EXERCISE DIRECTIONS:
Copy nothing but the lines below running from the line containing "#160=IFCRELAGGREGATES('0000000000000000000018',$,$,$,#16,(#11));" through the line containing "wide, 20 risers)',$,$,$,$,$,.HALF_TURN_STAIR.);", both end lines included.

SOURCE DATA:

+---+

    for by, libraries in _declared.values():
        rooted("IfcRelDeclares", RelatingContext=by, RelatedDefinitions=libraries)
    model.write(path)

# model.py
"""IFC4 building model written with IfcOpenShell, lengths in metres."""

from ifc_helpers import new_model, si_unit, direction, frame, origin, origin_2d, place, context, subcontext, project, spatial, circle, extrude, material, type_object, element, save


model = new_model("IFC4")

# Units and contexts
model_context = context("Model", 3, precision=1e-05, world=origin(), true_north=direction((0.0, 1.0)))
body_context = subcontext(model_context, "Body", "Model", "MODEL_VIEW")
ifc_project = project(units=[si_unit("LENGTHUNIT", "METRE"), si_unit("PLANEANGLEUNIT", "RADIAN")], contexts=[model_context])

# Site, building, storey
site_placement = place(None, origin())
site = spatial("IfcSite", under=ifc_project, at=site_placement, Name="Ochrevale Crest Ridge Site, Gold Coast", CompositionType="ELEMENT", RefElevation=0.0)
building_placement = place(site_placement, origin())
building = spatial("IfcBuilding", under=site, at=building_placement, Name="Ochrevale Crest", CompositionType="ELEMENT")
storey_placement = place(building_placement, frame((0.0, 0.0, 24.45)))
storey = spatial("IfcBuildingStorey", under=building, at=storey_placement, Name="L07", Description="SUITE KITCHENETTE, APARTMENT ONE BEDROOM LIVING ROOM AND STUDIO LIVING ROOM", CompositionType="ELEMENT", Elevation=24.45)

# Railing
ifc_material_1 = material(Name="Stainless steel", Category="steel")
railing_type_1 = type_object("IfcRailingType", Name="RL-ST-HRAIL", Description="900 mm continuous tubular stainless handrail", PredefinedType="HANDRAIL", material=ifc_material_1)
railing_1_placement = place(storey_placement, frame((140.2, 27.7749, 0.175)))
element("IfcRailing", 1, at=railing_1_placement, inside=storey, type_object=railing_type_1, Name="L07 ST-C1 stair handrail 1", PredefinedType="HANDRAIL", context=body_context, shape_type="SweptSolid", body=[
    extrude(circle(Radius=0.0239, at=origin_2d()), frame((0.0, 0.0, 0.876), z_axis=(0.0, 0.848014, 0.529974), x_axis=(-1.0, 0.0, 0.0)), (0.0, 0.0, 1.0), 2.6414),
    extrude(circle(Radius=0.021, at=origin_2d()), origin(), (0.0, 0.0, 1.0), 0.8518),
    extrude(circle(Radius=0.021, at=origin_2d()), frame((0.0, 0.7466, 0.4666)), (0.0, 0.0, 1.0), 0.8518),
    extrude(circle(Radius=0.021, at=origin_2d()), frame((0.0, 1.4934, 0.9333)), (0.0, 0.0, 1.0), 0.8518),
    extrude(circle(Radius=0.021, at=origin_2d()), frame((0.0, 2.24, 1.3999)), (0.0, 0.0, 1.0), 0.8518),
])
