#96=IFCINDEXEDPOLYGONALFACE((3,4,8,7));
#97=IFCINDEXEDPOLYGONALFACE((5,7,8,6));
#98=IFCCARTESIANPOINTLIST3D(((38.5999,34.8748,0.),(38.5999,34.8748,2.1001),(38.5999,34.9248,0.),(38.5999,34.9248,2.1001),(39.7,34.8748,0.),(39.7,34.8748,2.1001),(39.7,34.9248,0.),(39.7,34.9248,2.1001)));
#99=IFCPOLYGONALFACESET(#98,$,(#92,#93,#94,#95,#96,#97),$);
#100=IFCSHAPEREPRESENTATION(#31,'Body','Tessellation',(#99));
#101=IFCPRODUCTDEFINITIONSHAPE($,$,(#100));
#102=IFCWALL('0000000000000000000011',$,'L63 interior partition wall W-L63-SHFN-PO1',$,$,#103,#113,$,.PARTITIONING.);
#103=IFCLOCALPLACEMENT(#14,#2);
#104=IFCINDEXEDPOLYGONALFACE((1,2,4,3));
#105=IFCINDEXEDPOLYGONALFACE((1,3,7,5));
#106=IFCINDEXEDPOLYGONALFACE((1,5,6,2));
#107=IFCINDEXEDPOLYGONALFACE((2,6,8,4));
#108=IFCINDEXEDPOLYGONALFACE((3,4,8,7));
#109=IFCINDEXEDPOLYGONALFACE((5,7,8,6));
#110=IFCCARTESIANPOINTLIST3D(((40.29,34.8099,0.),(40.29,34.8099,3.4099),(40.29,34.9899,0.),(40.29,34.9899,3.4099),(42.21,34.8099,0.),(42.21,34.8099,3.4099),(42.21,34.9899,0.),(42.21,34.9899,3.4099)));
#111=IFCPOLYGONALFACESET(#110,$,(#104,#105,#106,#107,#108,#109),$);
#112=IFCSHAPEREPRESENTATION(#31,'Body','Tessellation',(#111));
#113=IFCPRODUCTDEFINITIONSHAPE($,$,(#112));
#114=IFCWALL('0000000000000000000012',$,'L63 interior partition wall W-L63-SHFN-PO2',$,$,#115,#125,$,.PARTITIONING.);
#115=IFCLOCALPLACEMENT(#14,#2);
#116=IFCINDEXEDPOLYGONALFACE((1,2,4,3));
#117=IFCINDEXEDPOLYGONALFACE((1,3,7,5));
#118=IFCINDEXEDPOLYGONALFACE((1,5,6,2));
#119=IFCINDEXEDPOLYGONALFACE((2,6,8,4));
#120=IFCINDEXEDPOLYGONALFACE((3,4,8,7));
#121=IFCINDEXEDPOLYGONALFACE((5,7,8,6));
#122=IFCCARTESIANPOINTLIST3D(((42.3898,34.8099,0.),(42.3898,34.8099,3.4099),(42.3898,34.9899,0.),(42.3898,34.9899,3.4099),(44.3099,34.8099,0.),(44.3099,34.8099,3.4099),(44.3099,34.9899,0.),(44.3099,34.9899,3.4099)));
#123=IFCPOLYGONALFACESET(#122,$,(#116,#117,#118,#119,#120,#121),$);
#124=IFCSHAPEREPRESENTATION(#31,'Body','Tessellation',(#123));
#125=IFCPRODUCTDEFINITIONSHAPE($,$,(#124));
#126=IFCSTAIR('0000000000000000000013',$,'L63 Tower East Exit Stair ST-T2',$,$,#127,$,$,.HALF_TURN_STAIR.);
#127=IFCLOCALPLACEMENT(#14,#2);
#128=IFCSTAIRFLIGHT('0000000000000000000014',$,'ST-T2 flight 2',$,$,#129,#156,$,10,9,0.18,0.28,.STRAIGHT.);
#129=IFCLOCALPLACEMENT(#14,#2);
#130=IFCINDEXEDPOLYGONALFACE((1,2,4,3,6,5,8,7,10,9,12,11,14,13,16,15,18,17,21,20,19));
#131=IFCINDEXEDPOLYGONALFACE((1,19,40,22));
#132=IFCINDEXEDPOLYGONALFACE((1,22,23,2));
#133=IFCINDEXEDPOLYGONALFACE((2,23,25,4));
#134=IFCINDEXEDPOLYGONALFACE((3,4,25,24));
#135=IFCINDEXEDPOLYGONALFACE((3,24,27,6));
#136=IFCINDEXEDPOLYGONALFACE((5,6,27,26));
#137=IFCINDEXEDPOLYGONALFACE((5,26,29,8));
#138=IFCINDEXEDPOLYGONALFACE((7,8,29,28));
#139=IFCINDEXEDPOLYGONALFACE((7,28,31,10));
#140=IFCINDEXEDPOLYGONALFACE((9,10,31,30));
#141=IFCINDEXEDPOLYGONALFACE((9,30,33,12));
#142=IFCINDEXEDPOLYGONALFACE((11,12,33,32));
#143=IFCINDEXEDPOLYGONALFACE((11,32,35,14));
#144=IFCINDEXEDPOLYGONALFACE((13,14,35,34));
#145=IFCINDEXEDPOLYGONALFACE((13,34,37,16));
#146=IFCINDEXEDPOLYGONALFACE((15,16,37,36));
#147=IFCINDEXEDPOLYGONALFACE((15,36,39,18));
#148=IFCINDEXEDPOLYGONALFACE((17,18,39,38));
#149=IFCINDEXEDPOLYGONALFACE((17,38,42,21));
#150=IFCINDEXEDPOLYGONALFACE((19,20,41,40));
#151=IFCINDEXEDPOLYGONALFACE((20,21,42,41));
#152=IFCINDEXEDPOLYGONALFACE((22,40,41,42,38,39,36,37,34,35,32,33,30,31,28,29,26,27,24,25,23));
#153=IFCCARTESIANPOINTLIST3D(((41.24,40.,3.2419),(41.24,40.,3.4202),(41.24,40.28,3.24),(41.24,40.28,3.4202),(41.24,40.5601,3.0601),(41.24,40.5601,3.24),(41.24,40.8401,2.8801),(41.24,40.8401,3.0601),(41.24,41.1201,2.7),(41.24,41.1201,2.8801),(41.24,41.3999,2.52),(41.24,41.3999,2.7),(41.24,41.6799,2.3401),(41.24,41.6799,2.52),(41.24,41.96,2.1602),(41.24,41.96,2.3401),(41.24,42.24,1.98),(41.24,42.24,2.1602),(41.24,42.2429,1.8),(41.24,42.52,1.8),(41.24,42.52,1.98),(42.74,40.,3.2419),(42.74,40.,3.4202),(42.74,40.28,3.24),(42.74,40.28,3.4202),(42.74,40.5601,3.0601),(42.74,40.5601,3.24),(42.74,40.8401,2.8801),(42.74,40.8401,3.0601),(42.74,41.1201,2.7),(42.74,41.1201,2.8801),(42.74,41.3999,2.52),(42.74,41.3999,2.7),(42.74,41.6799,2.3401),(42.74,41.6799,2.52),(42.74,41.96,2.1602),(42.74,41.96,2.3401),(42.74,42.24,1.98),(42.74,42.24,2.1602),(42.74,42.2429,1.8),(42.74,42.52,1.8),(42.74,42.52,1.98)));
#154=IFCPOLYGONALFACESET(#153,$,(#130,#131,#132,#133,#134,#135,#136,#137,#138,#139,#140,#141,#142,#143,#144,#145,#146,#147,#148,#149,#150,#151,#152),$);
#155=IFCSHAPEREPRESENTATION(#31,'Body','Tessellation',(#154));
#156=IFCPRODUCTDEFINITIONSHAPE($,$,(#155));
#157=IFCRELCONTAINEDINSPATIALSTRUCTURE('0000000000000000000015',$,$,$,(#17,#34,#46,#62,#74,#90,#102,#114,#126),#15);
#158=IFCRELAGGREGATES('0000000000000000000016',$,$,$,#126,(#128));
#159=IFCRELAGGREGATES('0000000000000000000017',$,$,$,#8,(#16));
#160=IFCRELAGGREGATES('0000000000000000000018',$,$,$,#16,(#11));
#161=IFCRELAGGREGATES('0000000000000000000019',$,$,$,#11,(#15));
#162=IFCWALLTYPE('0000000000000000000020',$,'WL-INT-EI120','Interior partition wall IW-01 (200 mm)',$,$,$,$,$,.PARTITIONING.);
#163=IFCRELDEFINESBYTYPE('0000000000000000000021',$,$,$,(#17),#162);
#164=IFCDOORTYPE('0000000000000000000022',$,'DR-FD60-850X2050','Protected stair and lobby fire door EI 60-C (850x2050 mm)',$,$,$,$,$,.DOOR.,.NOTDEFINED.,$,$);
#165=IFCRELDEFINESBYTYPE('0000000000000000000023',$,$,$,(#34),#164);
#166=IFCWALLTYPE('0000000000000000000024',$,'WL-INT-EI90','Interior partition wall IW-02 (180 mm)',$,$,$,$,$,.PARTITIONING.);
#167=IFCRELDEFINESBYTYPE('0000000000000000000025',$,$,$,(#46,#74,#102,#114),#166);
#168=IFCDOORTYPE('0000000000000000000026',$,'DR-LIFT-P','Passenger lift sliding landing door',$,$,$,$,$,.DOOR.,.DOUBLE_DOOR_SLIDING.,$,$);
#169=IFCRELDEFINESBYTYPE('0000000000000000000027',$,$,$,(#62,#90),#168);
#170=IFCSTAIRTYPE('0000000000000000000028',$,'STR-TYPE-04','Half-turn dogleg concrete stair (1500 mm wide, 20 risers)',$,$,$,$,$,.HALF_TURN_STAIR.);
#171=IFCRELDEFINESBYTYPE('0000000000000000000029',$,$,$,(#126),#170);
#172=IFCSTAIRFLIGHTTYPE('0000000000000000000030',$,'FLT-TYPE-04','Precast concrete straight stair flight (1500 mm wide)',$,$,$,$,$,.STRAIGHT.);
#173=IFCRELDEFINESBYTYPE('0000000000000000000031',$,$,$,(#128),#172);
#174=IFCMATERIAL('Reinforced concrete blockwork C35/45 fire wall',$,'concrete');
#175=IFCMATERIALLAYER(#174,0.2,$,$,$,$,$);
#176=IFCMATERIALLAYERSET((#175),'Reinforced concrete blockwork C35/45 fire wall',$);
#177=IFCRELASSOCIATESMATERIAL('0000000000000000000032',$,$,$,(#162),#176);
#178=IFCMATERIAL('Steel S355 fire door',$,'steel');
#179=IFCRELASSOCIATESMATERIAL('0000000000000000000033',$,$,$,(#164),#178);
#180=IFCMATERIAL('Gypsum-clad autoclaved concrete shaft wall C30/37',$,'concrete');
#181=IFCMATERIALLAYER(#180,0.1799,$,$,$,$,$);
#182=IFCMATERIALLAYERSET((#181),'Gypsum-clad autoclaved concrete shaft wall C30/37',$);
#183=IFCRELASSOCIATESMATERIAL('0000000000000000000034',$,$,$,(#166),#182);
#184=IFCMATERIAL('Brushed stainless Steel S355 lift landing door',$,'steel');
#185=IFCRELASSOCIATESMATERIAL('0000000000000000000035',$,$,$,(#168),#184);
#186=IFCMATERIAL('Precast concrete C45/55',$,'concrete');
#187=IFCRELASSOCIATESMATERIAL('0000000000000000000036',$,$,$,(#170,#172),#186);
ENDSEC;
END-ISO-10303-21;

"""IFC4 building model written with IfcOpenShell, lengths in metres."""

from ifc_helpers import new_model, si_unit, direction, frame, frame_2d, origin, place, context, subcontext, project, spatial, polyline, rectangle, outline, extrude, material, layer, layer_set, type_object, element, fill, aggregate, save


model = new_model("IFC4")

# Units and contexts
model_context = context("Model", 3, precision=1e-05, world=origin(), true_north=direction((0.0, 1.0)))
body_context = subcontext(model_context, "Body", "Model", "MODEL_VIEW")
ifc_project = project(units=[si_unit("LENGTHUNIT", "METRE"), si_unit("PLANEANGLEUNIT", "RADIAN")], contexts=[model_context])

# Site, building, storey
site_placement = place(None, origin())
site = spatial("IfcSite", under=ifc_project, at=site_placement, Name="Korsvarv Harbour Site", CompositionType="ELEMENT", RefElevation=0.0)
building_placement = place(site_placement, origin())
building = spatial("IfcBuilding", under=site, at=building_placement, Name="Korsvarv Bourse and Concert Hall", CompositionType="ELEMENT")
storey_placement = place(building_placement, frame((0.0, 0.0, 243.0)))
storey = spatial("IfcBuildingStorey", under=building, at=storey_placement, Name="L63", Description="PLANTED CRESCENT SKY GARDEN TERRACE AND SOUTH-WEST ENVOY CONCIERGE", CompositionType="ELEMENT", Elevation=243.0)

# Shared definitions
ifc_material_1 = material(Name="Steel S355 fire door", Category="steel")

+---+

TASK ANSWER:
#160=IFCRELAGGREGATES('0000000000000000000018',$,$,$,#16,(#11));
#161=IFCRELAGGREGATES('0000000000000000000019',$,$,$,#11,(#15));
#162=IFCWALLTYPE('0000000000000000000020',$,'WL-INT-EI120','Interior partition wall IW-01 (200 mm)',$,$,$,$,$,.PARTITIONING.);
#163=IFCRELDEFINESBYTYPE('0000000000000000000021',$,$,$,(#17),#162);
#164=IFCDOORTYPE('0000000000000000000022',$,'DR-FD60-850X2050','Protected stair and lobby fire door EI 60-C (850x2050 mm)',$,$,$,$,$,.DOOR.,.NOTDEFINED.,$,$);
#165=IFCRELDEFINESBYTYPE('0000000000000000000023',$,$,$,(#34),#164);
#166=IFCWALLTYPE('0000000000000000000024',$,'WL-INT-EI90','Interior partition wall IW-02 (180 mm)',$,$,$,$,$,.PARTITIONING.);
#167=IFCRELDEFINESBYTYPE('0000000000000000000025',$,$,$,(#46,#74,#102,#114),#166);
#168=IFCDOORTYPE('0000000000000000000026',$,'DR-LIFT-P','Passenger lift sliding landing door',$,$,$,$,$,.DOOR.,.DOUBLE_DOOR_SLIDING.,$,$);
#169=IFCRELDEFINESBYTYPE('0000000000000000000027',$,$,$,(#62,#90),#168);
#170=IFCSTAIRTYPE('0000000000000000000028',$,'STR-TYPE-04','Half-turn dogleg concrete stair (1500 mm wide, 20 risers)',$,$,$,$,$,.HALF_TURN_STAIR.);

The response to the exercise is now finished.